━━━━━ Records supplied ━━━━━
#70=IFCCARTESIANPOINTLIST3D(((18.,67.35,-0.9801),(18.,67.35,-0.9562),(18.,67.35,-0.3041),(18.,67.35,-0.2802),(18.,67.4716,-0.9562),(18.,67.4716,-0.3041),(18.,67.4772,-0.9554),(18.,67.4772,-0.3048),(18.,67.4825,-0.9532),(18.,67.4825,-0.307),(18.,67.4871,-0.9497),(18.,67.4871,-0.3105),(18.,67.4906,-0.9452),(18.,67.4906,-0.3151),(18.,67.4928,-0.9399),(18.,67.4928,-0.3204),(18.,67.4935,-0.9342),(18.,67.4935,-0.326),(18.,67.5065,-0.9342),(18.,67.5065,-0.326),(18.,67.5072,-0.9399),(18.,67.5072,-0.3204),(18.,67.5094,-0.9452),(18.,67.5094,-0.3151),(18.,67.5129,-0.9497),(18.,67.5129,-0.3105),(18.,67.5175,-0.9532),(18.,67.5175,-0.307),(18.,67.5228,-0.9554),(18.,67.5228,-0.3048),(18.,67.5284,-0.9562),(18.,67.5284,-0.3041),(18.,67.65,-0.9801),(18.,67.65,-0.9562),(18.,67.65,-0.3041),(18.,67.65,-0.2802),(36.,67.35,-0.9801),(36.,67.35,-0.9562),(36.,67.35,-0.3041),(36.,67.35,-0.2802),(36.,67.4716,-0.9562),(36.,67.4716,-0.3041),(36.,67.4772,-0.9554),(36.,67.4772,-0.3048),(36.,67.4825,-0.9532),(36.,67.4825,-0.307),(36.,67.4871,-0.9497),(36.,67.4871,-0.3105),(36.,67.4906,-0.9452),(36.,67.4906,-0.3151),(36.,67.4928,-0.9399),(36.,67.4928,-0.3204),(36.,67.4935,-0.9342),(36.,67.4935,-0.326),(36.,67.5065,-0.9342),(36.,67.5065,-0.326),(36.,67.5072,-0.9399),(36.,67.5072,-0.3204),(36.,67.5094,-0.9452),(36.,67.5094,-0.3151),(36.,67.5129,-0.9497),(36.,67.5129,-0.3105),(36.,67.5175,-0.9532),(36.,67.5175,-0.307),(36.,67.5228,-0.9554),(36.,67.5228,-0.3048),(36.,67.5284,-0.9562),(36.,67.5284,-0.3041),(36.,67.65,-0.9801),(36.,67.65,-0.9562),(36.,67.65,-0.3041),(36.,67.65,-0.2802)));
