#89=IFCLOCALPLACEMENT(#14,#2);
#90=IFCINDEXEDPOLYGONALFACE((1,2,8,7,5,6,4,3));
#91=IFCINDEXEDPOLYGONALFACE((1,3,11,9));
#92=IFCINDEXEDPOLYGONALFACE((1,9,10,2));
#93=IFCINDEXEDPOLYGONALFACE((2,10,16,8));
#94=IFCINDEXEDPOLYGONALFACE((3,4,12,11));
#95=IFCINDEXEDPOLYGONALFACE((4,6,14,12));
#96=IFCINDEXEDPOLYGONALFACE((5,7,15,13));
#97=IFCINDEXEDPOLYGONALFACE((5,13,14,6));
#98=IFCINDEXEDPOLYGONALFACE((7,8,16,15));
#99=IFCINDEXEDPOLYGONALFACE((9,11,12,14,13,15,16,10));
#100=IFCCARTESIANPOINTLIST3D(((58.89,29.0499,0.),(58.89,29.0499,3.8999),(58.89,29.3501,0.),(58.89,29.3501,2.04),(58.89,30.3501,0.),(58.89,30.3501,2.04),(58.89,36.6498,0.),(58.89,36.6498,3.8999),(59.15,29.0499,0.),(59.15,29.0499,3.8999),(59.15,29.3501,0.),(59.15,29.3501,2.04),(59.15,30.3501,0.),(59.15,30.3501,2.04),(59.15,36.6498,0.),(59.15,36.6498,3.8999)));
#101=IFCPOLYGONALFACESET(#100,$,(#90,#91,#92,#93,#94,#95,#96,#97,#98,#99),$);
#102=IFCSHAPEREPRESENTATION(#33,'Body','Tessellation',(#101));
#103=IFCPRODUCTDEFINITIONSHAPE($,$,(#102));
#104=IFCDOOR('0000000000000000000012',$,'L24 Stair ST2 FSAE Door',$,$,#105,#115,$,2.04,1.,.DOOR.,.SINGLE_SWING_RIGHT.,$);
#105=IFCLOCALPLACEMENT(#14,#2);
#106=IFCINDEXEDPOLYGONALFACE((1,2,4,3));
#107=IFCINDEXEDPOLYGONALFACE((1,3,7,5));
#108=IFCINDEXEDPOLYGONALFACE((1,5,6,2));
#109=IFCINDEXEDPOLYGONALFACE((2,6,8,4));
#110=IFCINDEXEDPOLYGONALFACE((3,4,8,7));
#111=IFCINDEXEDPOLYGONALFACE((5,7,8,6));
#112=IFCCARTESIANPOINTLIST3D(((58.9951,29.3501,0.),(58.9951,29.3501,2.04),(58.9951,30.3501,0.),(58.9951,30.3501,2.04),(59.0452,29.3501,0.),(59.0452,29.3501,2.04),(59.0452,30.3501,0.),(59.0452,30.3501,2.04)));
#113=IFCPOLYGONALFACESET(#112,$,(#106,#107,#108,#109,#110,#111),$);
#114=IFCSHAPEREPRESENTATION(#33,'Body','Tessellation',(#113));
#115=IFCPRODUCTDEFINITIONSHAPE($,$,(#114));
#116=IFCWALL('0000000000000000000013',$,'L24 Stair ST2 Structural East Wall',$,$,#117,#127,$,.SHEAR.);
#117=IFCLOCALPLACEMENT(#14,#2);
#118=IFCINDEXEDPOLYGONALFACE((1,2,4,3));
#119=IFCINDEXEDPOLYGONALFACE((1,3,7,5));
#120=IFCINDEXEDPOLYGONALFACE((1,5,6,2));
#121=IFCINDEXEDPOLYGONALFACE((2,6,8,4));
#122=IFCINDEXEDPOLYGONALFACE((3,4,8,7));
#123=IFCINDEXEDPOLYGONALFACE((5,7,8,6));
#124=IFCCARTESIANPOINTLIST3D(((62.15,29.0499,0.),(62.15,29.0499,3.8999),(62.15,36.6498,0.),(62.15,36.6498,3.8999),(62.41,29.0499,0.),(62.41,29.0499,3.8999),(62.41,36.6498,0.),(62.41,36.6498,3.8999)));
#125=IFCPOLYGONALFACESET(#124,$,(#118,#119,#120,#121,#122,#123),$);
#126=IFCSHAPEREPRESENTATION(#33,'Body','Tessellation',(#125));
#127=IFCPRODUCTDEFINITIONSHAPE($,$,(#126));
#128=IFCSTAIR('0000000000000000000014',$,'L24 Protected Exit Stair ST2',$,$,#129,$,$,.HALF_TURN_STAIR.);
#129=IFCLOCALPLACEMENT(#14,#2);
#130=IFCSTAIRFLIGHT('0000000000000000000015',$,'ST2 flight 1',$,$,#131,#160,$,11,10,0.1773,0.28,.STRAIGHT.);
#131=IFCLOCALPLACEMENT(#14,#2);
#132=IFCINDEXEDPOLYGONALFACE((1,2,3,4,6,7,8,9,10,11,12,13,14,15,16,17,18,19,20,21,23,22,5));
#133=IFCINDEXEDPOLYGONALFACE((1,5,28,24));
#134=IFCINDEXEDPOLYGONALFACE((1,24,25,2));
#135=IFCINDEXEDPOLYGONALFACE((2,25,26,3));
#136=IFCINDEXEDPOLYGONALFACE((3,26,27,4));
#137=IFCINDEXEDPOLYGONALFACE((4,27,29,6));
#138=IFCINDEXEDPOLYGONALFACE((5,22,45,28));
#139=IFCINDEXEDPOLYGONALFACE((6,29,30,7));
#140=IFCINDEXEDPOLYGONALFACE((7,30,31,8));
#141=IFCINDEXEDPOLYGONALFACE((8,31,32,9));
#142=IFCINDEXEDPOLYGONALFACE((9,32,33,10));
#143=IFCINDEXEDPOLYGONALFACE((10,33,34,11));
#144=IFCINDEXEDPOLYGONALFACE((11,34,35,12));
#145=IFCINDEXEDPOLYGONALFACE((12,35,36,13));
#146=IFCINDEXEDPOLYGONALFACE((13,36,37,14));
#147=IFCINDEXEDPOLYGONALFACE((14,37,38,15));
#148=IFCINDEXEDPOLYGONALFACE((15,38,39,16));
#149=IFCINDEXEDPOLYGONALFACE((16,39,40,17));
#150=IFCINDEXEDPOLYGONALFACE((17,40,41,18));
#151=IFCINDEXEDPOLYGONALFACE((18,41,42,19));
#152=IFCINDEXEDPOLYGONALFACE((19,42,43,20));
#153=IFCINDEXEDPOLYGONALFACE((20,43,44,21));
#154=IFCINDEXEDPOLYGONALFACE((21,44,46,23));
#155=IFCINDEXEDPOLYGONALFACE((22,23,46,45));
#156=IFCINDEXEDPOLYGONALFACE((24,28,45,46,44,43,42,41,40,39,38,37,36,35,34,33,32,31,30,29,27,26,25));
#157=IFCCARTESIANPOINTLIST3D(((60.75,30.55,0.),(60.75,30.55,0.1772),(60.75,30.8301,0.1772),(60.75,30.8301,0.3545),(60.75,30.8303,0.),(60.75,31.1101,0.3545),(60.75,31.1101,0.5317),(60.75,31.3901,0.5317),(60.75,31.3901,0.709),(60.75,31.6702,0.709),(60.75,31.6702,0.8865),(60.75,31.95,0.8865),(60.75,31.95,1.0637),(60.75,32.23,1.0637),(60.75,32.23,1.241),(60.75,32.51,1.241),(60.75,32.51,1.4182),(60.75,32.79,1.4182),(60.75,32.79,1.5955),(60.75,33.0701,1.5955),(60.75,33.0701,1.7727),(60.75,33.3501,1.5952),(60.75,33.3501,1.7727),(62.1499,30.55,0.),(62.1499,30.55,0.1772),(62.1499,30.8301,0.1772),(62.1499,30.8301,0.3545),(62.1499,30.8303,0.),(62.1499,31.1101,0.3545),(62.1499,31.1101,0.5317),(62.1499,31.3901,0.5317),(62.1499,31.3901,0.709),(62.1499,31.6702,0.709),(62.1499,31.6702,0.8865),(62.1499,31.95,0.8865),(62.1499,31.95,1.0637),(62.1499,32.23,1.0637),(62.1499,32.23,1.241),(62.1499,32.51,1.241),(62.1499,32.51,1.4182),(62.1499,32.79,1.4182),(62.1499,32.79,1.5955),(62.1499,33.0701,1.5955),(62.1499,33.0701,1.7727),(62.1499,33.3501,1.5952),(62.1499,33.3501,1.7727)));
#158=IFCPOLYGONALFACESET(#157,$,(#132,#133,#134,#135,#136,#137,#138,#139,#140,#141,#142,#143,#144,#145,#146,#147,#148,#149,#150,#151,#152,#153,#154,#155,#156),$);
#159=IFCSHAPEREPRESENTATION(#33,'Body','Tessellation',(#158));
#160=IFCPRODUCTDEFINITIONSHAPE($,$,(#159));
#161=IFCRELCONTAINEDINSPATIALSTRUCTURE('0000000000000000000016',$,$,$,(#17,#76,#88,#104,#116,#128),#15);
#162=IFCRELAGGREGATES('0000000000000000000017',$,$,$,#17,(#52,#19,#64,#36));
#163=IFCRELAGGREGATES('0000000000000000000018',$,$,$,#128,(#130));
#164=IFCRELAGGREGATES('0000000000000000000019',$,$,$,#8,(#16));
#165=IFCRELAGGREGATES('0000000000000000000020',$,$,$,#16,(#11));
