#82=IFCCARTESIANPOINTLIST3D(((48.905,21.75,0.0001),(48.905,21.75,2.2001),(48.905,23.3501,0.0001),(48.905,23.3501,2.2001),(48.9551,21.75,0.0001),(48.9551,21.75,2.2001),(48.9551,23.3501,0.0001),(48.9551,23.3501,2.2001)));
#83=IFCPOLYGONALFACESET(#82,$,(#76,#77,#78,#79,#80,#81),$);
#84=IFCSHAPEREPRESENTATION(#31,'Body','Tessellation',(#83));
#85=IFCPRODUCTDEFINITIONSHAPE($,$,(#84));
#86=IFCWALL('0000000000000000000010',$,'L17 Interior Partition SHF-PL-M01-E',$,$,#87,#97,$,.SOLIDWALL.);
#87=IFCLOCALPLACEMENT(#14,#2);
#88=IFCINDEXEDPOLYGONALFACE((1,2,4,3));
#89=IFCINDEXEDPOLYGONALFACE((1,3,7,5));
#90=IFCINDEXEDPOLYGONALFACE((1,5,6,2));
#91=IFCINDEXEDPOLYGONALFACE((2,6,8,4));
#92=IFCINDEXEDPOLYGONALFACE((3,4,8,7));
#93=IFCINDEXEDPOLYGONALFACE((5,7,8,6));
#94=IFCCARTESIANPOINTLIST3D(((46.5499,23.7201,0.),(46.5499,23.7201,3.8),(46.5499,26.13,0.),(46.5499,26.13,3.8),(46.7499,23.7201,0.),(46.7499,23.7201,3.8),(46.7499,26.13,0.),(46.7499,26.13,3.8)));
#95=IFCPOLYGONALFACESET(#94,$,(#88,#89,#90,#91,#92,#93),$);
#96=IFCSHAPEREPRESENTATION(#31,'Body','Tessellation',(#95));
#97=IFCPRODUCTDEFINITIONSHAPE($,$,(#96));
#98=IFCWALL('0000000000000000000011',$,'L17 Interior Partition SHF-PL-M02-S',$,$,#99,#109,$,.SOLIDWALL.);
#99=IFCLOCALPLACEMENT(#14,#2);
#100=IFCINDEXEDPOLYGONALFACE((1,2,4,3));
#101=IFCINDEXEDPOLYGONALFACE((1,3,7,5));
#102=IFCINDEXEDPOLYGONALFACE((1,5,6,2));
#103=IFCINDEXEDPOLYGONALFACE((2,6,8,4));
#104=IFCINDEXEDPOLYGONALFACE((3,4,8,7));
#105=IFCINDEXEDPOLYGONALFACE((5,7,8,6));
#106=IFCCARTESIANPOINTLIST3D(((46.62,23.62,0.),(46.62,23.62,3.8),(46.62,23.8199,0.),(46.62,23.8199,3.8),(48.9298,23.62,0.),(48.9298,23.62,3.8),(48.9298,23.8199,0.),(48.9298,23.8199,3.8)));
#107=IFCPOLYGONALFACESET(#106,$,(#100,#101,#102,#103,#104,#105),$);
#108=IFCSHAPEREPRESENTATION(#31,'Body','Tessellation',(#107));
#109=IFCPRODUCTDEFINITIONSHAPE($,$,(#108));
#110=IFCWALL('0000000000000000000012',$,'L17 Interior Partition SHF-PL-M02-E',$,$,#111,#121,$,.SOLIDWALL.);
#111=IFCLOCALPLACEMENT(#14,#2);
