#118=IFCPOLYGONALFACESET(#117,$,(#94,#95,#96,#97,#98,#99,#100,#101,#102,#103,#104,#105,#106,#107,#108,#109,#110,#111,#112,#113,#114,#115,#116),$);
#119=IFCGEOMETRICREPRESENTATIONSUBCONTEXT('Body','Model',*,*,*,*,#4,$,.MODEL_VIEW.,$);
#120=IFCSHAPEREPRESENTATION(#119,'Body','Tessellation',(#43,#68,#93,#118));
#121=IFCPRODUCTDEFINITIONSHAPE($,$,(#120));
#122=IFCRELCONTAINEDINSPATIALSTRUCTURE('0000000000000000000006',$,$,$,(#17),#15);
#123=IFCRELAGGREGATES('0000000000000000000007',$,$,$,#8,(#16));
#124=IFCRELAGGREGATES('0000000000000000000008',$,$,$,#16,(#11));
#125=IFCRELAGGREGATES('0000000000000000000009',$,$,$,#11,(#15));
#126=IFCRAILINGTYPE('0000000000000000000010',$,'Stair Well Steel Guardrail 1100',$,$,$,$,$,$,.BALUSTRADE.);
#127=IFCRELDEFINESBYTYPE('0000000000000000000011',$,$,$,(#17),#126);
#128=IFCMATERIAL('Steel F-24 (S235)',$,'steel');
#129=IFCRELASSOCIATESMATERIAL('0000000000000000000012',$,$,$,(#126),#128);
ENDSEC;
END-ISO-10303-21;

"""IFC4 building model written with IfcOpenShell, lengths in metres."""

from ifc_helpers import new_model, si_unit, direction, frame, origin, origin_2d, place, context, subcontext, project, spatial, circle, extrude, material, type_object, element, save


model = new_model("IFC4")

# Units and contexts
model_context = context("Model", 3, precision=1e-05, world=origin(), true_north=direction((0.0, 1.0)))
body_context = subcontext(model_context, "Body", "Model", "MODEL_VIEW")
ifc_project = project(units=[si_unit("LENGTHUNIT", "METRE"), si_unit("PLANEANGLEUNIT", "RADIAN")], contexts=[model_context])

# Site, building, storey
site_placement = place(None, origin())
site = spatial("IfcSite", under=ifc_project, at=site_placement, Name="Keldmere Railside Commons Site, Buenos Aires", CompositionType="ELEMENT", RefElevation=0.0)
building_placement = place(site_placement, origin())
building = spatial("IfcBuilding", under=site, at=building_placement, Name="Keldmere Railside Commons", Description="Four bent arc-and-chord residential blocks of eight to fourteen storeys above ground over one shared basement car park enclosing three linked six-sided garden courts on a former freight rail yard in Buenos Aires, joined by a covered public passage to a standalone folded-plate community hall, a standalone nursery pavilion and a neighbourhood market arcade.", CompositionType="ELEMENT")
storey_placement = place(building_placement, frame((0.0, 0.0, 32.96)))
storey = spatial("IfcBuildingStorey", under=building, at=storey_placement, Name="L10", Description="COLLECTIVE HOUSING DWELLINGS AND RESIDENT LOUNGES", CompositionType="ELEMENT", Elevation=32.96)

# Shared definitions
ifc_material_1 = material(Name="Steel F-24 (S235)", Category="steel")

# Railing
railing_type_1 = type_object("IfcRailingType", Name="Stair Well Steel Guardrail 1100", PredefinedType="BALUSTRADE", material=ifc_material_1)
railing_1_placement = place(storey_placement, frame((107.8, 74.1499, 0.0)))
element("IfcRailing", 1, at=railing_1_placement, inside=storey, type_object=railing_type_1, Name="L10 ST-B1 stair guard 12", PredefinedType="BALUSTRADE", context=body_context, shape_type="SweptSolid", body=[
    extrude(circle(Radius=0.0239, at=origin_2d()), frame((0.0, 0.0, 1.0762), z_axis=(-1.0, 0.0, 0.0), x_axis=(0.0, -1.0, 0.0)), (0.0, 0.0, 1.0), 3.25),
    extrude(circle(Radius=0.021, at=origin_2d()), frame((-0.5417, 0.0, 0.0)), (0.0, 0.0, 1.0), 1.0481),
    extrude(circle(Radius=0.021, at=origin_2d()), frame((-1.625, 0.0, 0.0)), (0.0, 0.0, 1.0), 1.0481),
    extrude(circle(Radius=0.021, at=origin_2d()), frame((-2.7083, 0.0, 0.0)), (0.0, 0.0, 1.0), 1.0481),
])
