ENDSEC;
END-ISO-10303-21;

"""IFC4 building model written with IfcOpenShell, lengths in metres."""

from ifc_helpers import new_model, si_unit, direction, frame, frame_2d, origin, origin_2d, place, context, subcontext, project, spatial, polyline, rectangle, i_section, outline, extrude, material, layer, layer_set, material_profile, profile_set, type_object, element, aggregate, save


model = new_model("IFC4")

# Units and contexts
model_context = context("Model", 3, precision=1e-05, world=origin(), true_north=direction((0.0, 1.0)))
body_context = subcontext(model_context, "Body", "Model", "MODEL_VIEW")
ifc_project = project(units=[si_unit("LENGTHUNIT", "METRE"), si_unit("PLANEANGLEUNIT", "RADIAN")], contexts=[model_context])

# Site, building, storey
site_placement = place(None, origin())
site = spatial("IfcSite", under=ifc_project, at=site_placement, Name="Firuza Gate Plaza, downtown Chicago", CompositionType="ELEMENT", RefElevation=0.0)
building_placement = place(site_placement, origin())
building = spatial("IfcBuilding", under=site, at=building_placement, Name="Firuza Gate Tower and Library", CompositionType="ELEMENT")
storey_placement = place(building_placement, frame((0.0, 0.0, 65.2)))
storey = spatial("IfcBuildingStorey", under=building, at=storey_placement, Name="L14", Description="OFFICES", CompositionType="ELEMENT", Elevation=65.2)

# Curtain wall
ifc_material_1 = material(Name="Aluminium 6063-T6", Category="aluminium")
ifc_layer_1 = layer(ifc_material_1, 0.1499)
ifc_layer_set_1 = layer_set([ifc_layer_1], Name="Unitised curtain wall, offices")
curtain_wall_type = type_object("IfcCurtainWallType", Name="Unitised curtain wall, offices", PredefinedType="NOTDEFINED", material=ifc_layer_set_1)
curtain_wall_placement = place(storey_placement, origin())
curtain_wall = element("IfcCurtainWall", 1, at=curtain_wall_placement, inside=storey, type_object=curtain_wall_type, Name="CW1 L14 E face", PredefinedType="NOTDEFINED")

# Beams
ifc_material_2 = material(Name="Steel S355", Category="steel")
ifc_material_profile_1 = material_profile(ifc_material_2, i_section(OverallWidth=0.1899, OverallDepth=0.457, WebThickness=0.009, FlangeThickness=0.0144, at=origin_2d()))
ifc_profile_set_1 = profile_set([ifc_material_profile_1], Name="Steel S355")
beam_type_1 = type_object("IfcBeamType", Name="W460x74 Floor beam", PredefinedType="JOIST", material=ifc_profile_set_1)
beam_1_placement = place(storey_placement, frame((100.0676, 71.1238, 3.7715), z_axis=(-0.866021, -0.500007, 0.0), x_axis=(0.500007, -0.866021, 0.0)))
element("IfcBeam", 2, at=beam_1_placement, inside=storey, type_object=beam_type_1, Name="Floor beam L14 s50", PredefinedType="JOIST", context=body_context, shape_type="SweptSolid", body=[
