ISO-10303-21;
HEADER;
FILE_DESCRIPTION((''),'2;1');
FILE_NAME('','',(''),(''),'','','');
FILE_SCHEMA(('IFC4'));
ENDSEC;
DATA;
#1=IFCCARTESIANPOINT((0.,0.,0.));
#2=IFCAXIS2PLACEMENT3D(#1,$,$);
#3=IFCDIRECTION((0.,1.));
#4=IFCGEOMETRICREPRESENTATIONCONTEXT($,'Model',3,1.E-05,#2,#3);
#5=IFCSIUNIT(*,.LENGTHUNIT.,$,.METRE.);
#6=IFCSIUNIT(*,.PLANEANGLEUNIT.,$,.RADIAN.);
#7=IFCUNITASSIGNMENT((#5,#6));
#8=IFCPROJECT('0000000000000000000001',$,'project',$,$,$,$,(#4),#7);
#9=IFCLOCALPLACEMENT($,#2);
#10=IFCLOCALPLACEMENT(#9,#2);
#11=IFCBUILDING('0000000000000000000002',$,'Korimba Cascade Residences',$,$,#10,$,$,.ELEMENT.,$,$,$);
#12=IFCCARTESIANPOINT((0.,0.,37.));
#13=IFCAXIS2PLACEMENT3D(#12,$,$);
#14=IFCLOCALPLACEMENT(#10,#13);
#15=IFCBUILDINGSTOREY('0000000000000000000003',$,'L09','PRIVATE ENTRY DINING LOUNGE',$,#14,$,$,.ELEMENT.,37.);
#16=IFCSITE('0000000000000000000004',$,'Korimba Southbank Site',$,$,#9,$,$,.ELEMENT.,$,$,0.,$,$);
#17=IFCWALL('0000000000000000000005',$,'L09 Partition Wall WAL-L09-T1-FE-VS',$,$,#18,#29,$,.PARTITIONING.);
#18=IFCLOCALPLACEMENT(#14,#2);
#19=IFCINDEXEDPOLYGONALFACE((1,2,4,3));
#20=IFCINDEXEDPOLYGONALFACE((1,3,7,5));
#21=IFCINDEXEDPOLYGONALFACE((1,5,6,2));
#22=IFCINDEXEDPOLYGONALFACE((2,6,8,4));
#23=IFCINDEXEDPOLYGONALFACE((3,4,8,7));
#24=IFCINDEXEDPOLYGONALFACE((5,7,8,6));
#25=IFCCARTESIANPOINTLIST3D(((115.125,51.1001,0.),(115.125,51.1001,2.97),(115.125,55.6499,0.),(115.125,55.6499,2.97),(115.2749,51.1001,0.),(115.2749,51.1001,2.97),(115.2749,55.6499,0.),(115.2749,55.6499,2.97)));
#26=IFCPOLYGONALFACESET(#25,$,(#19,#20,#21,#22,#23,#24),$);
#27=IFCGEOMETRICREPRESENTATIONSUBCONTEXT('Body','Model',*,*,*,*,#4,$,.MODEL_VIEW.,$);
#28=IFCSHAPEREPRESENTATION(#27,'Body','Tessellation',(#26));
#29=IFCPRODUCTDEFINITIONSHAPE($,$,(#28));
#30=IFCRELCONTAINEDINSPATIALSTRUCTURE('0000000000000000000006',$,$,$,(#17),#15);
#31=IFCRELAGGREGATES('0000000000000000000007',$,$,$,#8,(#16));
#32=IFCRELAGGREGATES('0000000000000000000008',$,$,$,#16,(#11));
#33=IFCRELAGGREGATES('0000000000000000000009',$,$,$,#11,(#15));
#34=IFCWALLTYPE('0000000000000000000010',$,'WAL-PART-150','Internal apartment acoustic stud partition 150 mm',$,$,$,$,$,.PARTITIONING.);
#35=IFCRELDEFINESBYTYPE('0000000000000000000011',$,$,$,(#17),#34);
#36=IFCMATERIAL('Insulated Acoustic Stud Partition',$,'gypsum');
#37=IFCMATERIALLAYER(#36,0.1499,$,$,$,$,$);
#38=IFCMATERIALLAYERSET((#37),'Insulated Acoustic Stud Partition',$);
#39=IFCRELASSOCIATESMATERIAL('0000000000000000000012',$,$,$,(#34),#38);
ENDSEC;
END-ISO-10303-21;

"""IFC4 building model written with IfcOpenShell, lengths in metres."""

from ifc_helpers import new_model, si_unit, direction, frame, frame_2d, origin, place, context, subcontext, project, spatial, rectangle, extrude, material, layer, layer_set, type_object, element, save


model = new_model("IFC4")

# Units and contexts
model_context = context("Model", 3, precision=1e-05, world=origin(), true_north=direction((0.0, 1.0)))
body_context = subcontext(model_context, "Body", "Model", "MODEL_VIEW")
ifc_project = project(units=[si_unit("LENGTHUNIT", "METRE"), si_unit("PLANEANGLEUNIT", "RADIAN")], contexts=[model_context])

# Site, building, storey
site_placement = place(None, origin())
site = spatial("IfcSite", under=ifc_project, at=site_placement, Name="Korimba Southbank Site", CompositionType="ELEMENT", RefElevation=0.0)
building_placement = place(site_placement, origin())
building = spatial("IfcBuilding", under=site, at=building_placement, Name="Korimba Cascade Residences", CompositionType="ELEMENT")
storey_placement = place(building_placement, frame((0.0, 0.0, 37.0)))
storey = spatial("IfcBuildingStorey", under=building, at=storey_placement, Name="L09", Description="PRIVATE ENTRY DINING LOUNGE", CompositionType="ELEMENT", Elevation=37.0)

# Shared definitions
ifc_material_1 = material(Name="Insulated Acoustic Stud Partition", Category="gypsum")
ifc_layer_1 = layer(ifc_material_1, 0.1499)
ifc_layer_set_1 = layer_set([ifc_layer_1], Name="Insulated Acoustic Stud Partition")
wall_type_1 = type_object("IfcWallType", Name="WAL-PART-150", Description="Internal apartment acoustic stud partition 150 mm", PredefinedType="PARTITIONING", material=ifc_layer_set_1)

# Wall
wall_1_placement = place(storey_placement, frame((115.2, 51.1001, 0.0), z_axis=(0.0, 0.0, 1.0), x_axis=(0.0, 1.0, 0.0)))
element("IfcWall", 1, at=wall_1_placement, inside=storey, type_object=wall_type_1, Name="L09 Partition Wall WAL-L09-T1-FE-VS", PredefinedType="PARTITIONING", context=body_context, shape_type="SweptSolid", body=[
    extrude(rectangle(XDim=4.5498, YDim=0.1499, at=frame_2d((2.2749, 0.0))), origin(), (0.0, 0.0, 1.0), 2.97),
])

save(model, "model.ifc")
━━━━━
* Task to carry out: Copy out the range of lines above starting at the line with "#148=IFCINDEXEDPOLYGONALFACE((15,38,39,16));" and ending at the line with "#153=IFCINDEXEDPOLYGONALFACE((20,43,44,21));", exactly and including both.

* Answer section:
#148=IFCINDEXEDPOLYGONALFACE((15,38,39,16));
#149=IFCINDEXEDPOLYGONALFACE((16,39,40,17));
#150=IFCINDEXEDPOLYGONALFACE((17,40,41,18));
#151=IFCINDEXEDPOLYGONALFACE((18,41,42,19));
#152=IFCINDEXEDPOLYGONALFACE((19,42,43,20));
#153=IFCINDEXEDPOLYGONALFACE((20,43,44,21));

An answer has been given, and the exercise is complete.